> [TASK ITEM]
Give again only those lines from the start of the entries through the line holding "#61=IFCPRODUCTDEFINITIONSHAPE($,$,(#60));", leaving them as they are.

> [EXCERPTED RECORDS]
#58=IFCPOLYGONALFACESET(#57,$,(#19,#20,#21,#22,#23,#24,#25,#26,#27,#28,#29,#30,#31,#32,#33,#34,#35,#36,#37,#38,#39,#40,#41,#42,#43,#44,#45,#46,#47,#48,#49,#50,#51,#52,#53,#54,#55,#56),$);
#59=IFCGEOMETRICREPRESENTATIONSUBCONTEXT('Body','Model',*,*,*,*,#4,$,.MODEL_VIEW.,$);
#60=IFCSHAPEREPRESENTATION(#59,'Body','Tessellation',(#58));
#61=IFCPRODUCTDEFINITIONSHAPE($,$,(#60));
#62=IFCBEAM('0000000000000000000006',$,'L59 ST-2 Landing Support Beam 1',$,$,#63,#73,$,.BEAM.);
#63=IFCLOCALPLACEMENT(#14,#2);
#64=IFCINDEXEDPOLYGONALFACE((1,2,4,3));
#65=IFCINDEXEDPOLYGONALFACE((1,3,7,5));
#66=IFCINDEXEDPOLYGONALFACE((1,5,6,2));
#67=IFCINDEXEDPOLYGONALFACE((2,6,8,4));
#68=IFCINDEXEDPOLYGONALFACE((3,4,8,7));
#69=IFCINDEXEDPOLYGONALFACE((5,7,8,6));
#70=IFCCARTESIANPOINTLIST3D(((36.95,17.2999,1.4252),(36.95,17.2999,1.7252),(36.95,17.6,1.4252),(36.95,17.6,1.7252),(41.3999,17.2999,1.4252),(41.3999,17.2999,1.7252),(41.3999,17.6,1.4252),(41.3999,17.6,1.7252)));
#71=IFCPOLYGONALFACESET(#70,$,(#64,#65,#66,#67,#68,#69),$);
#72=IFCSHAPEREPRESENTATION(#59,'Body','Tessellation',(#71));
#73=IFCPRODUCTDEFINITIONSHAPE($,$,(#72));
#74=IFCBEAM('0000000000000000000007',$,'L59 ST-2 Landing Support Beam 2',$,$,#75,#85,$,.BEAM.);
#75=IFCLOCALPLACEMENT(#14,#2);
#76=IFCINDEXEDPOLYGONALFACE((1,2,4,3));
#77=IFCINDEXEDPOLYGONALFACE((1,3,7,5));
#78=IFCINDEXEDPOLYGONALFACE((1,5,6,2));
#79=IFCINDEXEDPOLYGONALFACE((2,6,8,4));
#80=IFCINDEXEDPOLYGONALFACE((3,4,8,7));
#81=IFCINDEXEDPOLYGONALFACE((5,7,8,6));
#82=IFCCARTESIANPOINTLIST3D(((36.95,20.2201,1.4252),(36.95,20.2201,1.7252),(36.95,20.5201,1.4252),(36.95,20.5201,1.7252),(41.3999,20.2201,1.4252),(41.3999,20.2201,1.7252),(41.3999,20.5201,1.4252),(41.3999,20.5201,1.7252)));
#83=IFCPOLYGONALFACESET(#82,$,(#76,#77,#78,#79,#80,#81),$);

> [EXERCISE RESPONSE]
#58=IFCPOLYGONALFACESET(#57,$,(#19,#20,#21,#22,#23,#24,#25,#26,#27,#28,#29,#30,#31,#32,#33,#34,#35,#36,#37,#38,#39,#40,#41,#42,#43,#44,#45,#46,#47,#48,#49,#50,#51,#52,#53,#54,#55,#56),$);
#59=IFCGEOMETRICREPRESENTATIONSUBCONTEXT('Body','Model',*,*,*,*,#4,$,.MODEL_VIEW.,$);
#60=IFCSHAPEREPRESENTATION(#59,'Body','Tessellation',(#58));
#61=IFCPRODUCTDEFINITIONSHAPE($,$,(#60));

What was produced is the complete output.